Go through the entries below and collect each line with the string "Korimba" in it.

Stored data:
-- Opening Marker --

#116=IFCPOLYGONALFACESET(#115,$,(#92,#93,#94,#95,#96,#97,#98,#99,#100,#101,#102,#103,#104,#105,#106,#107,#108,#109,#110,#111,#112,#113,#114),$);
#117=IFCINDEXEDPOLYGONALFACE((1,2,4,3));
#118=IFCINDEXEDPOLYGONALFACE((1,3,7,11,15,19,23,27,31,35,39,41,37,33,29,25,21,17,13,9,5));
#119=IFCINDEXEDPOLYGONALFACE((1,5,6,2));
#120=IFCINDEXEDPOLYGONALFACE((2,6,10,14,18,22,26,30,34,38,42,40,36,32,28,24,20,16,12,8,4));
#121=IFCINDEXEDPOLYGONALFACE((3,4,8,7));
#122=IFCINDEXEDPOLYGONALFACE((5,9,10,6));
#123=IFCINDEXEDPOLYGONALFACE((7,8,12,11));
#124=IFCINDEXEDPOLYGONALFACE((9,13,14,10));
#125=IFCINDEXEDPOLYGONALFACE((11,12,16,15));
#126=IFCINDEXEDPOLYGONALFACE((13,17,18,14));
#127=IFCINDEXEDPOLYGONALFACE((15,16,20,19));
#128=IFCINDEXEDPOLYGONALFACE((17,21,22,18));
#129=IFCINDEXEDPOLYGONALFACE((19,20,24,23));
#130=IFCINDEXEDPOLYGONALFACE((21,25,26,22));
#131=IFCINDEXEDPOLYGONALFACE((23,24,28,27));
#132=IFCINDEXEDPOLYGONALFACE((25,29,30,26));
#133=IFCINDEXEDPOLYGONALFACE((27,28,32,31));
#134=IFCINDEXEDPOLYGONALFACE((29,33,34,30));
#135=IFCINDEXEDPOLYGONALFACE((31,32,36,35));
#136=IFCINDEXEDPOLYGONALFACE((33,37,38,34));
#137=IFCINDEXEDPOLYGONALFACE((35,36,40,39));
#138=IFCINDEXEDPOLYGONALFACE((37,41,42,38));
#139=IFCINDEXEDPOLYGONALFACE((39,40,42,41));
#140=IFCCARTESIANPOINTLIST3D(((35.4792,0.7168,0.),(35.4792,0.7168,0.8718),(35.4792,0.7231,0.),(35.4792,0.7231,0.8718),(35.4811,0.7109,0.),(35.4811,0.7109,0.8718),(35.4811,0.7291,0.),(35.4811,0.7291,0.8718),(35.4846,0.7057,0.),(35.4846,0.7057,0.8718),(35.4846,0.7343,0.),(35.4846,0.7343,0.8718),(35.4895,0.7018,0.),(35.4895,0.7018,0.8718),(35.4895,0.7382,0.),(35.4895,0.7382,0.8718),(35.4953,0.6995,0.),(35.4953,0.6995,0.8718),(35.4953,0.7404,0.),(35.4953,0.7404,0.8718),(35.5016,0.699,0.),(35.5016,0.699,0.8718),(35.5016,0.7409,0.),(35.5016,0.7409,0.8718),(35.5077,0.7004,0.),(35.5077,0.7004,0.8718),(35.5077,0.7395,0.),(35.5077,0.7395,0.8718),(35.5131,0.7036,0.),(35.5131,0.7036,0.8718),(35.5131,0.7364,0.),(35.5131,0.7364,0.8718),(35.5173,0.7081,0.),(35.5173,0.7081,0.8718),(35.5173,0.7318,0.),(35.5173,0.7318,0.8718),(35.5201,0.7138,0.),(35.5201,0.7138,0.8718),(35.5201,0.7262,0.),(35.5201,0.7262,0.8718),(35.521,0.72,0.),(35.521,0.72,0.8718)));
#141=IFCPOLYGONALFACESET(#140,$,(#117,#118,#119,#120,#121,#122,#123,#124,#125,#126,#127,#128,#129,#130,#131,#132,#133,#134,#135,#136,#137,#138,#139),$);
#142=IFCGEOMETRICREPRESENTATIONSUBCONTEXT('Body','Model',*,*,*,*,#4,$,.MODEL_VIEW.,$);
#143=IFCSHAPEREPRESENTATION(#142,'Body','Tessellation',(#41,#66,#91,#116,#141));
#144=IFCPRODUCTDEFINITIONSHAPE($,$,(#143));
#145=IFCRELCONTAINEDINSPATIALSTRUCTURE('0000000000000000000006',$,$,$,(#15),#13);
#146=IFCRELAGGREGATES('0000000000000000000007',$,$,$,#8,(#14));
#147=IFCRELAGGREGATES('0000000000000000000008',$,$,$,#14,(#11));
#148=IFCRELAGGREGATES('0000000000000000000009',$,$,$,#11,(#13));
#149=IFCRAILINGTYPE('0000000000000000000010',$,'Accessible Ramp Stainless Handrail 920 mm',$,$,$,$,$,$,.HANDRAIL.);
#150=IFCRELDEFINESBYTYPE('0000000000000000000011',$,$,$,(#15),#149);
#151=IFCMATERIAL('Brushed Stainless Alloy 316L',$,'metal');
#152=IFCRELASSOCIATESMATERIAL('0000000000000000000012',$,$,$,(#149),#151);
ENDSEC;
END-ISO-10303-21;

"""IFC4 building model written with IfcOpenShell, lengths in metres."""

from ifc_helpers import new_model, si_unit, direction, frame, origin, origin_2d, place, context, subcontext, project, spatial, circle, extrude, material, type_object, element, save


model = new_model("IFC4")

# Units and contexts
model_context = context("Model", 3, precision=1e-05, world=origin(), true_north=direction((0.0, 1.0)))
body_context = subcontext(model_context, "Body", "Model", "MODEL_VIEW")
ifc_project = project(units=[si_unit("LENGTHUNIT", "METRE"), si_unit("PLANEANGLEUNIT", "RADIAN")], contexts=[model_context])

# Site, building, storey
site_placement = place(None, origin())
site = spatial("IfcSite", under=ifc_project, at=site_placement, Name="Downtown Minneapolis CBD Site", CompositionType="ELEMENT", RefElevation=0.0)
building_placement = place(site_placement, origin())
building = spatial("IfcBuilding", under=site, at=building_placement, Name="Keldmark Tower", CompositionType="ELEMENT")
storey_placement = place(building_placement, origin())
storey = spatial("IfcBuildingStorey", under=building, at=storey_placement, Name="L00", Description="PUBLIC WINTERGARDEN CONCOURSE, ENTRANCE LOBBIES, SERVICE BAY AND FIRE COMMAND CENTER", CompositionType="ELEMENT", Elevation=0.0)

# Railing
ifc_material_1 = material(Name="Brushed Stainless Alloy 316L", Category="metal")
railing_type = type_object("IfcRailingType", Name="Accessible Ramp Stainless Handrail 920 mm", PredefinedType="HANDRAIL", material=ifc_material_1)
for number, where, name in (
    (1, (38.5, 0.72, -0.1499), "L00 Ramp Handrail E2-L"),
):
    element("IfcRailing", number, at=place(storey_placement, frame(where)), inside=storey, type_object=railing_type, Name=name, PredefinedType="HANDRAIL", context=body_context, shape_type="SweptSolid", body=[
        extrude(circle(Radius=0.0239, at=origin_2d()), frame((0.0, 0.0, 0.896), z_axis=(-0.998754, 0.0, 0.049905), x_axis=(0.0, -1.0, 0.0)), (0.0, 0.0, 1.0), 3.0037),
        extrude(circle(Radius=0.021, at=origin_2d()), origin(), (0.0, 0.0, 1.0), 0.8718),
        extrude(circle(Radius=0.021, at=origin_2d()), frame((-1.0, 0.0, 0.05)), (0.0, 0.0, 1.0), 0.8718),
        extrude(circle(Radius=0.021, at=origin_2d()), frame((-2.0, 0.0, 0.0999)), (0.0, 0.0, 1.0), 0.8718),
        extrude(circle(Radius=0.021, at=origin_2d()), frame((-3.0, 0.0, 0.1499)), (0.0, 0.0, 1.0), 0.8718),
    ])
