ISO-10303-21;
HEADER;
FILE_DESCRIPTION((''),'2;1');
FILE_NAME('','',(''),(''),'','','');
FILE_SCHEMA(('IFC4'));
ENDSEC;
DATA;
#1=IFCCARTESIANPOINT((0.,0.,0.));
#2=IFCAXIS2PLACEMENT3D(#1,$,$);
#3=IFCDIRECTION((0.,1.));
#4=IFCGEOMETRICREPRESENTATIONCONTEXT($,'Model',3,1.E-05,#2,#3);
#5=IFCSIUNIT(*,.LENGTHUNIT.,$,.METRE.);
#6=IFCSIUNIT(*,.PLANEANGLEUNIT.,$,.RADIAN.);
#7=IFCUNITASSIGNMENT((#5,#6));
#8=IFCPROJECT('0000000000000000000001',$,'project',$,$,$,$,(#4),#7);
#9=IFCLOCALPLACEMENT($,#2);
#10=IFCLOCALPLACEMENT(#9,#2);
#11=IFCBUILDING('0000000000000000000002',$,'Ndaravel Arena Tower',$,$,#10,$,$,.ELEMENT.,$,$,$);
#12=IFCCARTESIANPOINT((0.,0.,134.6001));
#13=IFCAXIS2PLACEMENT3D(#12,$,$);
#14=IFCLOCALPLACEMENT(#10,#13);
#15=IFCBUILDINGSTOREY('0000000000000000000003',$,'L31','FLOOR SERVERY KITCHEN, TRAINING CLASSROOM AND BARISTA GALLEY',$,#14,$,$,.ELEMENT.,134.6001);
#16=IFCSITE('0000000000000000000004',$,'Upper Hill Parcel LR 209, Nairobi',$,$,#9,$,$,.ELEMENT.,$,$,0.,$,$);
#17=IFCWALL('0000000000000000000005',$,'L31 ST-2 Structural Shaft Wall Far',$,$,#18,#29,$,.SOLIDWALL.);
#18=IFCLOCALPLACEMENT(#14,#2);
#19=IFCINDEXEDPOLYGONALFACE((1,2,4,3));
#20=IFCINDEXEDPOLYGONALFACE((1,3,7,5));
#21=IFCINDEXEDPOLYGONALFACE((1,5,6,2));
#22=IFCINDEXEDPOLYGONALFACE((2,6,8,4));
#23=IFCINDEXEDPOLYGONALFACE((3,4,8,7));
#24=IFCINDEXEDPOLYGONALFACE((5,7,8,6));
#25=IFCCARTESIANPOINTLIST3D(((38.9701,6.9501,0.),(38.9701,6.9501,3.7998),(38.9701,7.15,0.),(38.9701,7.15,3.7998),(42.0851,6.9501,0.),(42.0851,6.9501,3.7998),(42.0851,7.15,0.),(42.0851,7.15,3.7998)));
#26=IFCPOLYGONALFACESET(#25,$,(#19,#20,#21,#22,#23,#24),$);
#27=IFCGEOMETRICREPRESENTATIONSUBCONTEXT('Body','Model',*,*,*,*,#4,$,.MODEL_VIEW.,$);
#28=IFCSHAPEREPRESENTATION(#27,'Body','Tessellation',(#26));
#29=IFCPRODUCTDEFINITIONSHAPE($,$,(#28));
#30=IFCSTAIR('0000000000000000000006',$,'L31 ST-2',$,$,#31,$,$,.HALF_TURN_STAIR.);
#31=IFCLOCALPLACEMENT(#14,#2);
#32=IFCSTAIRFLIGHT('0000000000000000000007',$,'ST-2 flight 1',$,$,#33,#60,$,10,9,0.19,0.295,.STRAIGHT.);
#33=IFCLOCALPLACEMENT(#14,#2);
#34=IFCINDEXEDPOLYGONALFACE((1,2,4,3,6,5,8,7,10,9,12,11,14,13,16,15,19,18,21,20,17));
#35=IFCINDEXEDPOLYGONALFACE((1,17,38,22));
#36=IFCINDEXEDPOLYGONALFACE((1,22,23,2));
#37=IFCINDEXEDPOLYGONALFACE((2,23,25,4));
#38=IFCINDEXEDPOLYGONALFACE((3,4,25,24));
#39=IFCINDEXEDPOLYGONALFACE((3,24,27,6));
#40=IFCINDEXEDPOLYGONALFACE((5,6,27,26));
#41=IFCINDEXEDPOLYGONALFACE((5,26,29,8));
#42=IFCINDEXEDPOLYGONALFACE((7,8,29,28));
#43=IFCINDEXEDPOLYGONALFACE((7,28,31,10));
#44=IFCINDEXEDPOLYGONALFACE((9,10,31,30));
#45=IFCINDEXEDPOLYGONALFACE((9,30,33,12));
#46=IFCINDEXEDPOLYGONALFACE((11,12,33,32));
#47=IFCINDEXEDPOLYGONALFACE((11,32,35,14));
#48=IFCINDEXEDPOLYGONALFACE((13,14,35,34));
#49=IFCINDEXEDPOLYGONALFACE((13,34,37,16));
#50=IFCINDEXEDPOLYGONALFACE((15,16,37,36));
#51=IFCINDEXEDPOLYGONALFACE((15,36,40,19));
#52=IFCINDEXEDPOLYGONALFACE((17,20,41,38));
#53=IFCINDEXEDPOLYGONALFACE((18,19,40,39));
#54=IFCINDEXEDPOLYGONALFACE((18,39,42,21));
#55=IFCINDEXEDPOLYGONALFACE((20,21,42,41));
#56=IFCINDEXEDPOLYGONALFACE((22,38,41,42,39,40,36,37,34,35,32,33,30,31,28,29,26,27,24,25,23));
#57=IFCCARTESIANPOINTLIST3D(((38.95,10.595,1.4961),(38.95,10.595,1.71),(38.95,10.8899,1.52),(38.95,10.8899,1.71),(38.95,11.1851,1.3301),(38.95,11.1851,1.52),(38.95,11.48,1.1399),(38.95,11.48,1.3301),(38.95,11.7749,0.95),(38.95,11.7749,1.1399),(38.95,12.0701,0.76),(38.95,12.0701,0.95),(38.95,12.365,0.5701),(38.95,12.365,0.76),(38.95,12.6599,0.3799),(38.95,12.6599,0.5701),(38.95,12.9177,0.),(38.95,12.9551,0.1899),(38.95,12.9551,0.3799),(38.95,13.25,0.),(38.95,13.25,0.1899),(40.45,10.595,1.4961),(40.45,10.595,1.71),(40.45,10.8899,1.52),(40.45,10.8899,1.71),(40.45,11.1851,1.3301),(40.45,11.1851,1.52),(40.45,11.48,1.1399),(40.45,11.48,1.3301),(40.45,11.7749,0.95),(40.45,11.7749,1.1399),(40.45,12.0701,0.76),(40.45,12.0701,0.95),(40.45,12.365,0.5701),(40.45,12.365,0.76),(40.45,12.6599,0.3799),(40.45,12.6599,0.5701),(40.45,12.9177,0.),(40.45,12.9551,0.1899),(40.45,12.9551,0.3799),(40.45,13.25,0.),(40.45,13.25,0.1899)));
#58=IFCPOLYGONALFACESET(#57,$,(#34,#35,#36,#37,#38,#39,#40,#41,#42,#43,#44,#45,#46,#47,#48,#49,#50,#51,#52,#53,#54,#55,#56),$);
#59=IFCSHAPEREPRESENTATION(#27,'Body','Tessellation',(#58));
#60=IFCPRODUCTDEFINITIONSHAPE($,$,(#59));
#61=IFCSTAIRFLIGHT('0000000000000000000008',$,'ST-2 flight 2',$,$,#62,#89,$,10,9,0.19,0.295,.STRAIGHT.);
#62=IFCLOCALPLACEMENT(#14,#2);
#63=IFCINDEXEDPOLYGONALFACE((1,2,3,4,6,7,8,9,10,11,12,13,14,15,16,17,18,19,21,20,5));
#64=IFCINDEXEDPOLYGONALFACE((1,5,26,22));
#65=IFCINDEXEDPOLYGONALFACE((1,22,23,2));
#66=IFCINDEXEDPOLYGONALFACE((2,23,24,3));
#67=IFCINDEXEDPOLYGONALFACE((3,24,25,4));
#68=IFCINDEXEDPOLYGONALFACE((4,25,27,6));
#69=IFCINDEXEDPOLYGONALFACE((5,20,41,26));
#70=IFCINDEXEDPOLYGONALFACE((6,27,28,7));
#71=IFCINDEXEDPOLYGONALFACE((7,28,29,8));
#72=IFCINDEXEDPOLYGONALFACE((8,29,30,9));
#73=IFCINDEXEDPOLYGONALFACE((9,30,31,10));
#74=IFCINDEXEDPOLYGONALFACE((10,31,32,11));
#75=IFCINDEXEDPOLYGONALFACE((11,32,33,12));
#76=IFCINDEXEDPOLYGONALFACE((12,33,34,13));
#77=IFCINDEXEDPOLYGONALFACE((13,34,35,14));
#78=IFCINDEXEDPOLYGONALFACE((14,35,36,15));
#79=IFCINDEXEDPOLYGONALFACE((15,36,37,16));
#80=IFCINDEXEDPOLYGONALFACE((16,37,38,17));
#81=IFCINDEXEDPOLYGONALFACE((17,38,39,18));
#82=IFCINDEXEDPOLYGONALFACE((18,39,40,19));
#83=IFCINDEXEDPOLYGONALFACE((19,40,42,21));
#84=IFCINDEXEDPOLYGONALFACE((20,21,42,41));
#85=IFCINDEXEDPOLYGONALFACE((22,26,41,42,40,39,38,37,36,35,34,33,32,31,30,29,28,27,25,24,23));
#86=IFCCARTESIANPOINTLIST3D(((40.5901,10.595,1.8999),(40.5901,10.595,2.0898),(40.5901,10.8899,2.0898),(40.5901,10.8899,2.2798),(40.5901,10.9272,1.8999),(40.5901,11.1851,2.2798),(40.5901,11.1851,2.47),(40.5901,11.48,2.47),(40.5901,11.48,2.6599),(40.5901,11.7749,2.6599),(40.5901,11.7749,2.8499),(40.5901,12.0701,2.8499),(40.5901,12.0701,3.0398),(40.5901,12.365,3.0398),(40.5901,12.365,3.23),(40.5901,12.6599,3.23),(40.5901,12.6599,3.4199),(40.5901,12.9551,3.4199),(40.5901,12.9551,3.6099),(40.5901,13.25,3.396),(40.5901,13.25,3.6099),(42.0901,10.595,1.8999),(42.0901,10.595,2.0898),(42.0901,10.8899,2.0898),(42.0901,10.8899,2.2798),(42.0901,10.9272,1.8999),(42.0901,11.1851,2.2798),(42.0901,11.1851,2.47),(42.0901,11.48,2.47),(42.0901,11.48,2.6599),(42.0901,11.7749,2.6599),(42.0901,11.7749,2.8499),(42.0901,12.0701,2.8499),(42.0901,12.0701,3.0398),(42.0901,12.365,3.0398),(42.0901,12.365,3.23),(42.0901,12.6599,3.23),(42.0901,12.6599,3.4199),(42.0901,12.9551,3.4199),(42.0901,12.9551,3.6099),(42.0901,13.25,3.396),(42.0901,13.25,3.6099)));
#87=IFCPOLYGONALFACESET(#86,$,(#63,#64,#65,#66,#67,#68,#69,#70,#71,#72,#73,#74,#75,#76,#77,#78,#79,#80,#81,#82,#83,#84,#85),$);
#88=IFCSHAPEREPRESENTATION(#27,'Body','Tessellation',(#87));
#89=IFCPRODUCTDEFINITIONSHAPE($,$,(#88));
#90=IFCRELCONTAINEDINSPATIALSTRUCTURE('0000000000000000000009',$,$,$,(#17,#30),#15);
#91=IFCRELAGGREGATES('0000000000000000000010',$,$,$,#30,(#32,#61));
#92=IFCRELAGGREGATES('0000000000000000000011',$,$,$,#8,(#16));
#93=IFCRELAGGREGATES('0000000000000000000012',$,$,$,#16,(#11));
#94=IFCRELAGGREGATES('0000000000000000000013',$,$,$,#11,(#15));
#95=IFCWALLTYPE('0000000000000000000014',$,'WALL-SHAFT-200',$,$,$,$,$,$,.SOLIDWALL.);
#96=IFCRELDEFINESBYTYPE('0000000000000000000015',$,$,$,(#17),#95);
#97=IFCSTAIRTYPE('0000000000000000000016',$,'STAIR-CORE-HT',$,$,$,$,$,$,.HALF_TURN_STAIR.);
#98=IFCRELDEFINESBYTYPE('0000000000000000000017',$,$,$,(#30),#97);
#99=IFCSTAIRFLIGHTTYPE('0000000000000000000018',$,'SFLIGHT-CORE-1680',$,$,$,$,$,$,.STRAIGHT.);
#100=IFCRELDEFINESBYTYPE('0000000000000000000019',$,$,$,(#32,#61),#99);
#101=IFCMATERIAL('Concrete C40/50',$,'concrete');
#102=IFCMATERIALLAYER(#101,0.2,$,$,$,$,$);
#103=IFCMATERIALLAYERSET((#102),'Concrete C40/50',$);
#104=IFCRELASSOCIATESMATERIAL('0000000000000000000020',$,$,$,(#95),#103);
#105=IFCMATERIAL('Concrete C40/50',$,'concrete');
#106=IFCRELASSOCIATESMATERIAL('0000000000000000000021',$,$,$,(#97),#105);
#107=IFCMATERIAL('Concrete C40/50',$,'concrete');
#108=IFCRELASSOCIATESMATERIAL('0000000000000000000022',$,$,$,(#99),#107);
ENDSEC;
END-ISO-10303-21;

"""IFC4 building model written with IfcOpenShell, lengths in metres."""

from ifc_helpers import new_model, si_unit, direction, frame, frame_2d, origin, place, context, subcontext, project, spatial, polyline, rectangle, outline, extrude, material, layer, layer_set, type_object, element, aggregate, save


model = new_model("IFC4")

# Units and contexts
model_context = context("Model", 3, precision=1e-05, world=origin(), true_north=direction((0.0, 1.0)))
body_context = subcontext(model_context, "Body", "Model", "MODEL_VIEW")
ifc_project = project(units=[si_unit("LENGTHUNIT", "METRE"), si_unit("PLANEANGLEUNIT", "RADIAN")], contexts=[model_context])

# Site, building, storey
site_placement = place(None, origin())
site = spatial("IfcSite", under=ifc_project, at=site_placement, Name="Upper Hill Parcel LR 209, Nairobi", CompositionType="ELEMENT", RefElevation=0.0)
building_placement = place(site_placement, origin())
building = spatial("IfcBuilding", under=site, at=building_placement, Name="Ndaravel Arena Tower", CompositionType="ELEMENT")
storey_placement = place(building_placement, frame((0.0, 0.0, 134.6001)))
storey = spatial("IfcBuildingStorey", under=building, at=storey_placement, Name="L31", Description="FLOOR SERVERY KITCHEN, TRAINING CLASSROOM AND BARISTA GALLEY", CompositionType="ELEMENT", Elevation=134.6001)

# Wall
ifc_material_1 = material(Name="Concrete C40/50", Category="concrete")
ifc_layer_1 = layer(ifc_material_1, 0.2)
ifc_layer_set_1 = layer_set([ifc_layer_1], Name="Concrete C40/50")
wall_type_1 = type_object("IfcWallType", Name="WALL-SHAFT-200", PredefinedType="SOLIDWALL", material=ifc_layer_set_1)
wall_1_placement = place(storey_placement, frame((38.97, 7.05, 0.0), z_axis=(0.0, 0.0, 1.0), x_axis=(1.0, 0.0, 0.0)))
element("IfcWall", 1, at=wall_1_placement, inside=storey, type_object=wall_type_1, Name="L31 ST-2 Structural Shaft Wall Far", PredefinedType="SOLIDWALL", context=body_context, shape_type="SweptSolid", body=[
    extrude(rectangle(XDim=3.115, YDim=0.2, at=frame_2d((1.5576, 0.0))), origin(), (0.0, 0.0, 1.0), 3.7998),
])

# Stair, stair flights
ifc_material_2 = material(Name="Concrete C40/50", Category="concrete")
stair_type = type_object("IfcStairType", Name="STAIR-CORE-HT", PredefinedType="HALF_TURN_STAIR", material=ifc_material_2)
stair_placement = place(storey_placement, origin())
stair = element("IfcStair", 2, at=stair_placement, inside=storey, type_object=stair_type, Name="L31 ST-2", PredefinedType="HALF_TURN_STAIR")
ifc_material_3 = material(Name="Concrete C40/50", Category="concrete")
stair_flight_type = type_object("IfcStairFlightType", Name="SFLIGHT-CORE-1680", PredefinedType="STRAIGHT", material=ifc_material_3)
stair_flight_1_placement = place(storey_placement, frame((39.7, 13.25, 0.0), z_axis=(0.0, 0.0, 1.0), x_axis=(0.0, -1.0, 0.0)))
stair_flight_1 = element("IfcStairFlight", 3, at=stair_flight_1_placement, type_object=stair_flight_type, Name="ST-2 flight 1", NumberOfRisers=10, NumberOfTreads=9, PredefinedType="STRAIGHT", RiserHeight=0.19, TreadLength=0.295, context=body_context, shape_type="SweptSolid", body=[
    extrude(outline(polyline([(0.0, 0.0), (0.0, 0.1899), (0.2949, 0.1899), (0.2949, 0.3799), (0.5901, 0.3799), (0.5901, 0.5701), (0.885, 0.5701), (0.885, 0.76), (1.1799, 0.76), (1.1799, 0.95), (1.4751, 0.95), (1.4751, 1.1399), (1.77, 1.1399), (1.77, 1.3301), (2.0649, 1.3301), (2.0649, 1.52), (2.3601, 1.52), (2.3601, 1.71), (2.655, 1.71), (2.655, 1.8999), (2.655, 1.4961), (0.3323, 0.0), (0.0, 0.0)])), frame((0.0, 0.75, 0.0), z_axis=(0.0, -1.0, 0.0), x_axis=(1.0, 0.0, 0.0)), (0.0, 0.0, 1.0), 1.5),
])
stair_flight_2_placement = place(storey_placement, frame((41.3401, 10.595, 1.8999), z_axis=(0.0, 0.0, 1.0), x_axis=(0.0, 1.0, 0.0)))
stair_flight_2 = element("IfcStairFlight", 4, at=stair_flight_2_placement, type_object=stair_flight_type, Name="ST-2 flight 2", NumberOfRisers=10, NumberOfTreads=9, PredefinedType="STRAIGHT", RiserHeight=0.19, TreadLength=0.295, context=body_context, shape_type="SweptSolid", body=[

-- Closing Marker --
-- Opening Marker --

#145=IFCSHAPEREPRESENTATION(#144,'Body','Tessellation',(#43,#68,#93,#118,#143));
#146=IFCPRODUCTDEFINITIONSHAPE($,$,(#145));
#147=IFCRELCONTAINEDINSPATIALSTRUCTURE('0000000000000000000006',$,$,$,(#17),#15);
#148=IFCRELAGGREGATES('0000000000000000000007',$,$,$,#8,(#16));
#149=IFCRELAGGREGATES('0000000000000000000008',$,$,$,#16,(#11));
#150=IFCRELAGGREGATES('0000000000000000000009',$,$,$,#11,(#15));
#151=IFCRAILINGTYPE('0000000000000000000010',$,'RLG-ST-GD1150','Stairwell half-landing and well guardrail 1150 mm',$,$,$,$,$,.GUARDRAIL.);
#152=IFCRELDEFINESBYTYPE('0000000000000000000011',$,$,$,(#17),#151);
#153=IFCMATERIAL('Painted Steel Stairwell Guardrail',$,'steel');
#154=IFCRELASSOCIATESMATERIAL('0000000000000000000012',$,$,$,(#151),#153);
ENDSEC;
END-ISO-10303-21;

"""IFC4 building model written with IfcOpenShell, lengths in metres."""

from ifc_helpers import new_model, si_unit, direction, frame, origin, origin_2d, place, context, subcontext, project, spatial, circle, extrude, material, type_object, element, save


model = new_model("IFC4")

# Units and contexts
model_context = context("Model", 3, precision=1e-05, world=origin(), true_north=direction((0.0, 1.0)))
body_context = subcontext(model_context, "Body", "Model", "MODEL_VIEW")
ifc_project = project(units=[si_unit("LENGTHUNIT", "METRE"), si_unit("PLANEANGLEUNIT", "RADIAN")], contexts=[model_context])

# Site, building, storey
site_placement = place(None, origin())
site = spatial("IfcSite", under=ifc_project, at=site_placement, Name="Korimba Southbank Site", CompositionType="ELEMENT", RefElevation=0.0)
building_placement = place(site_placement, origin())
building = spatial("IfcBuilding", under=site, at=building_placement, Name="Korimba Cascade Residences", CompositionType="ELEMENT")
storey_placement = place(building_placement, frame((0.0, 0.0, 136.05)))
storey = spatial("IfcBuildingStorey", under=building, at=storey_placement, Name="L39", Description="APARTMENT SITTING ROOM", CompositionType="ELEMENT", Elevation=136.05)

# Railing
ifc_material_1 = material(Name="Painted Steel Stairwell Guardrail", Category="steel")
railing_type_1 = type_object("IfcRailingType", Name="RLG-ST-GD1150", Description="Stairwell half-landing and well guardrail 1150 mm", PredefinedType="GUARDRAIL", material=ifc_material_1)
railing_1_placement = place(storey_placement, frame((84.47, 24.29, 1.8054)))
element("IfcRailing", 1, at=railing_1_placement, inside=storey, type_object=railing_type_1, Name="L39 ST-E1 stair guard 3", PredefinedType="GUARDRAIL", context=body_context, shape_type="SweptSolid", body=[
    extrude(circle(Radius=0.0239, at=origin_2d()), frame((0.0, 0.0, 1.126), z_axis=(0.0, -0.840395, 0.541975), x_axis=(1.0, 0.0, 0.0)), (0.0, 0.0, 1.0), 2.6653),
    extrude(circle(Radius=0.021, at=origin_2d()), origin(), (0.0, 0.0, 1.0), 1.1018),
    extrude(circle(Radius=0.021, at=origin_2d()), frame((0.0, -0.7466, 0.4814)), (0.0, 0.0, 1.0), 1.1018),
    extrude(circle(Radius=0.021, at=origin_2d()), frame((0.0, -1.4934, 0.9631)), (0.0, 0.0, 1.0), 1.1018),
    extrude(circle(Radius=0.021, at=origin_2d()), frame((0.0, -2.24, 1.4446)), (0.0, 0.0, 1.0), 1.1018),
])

-- Closing Marker --

• [Expected output]:
site = spatial("IfcSite", under=ifc_project, at=site_placement, Name="Korimba Southbank Site", CompositionType="ELEMENT", RefElevation=0.0)
building = spatial("IfcBuilding", under=site, at=building_placement, Name="Korimba Cascade Residences", CompositionType="ELEMENT")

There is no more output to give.